* **ENTRIES PROVIDED**
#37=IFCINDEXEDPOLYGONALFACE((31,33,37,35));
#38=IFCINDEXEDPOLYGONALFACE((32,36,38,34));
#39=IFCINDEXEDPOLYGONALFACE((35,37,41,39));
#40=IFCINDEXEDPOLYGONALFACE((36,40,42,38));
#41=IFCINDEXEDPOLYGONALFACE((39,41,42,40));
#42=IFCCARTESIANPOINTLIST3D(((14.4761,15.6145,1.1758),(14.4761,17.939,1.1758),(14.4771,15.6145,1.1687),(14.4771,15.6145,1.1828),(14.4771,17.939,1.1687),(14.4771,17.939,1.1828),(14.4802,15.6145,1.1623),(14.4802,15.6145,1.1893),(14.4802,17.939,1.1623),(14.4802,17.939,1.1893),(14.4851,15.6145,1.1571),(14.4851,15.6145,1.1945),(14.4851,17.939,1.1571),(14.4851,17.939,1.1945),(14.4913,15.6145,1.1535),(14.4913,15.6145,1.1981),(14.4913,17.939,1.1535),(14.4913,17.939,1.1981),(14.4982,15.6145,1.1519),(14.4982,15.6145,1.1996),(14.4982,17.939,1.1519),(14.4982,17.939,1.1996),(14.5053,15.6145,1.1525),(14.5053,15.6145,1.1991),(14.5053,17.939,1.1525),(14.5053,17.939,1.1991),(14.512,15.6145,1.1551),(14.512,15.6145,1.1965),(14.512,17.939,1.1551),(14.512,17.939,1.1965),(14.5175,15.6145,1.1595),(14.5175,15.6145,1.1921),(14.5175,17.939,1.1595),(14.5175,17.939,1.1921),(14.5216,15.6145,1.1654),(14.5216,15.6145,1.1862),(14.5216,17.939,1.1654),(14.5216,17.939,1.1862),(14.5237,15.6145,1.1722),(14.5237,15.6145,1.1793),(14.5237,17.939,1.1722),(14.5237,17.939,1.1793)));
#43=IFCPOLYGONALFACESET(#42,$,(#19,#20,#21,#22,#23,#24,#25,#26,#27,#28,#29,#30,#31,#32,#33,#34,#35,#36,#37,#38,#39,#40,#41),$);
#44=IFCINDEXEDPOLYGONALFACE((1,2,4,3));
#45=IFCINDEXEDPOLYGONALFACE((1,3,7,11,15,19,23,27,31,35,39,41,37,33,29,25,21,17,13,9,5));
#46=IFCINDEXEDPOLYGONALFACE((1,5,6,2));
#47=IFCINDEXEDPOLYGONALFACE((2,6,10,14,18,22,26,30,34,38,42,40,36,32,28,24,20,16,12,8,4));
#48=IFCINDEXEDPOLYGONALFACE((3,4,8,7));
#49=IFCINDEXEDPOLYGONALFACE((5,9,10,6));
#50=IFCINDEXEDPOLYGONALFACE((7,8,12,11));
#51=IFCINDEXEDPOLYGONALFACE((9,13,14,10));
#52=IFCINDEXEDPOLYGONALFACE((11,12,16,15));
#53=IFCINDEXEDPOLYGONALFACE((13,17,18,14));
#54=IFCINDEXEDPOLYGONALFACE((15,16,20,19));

* **TASK TO COMPLETE**
Reproduce exactly the lines above from the line with "#39=IFCINDEXEDPOLYGONALFACE((35,37,41,39));" to the line with "#51=IFCINDEXEDPOLYGONALFACE((9,13,14,10));", including both, and add nothing.

* **RESPONSE FOR THIS EXERCISE**
#39=IFCINDEXEDPOLYGONALFACE((35,37,41,39));
#40=IFCINDEXEDPOLYGONALFACE((36,40,42,38));
#41=IFCINDEXEDPOLYGONALFACE((39,41,42,40));
#42=IFCCARTESIANPOINTLIST3D(((14.4761,15.6145,1.1758),(14.4761,17.939,1.1758),(14.4771,15.6145,1.1687),(14.4771,15.6145,1.1828),(14.4771,17.939,1.1687),(14.4771,17.939,1.1828),(14.4802,15.6145,1.1623),(14.4802,15.6145,1.1893),(14.4802,17.939,1.1623),(14.4802,17.939,1.1893),(14.4851,15.6145,1.1571),(14.4851,15.6145,1.1945),(14.4851,17.939,1.1571),(14.4851,17.939,1.1945),(14.4913,15.6145,1.1535),(14.4913,15.6145,1.1981),(14.4913,17.939,1.1535),(14.4913,17.939,1.1981),(14.4982,15.6145,1.1519),(14.4982,15.6145,1.1996),(14.4982,17.939,1.1519),(14.4982,17.939,1.1996),(14.5053,15.6145,1.1525),(14.5053,15.6145,1.1991),(14.5053,17.939,1.1525),(14.5053,17.939,1.1991),(14.512,15.6145,1.1551),(14.512,15.6145,1.1965),(14.512,17.939,1.1551),(14.512,17.939,1.1965),(14.5175,15.6145,1.1595),(14.5175,15.6145,1.1921),(14.5175,17.939,1.1595),(14.5175,17.939,1.1921),(14.5216,15.6145,1.1654),(14.5216,15.6145,1.1862),(14.5216,17.939,1.1654),(14.5216,17.939,1.1862),(14.5237,15.6145,1.1722),(14.5237,15.6145,1.1793),(14.5237,17.939,1.1722),(14.5237,17.939,1.1793)));
#43=IFCPOLYGONALFACESET(#42,$,(#19,#20,#21,#22,#23,#24,#25,#26,#27,#28,#29,#30,#31,#32,#33,#34,#35,#36,#37,#38,#39,#40,#41),$);
#44=IFCINDEXEDPOLYGONALFACE((1,2,4,3));
#45=IFCINDEXEDPOLYGONALFACE((1,3,7,11,15,19,23,27,31,35,39,41,37,33,29,25,21,17,13,9,5));
#46=IFCINDEXEDPOLYGONALFACE((1,5,6,2));
#47=IFCINDEXEDPOLYGONALFACE((2,6,10,14,18,22,26,30,34,38,42,40,36,32,28,24,20,16,12,8,4));
#48=IFCINDEXEDPOLYGONALFACE((3,4,8,7));
#49=IFCINDEXEDPOLYGONALFACE((5,9,10,6));
#50=IFCINDEXEDPOLYGONALFACE((7,8,12,11));
#51=IFCINDEXEDPOLYGONALFACE((9,13,14,10));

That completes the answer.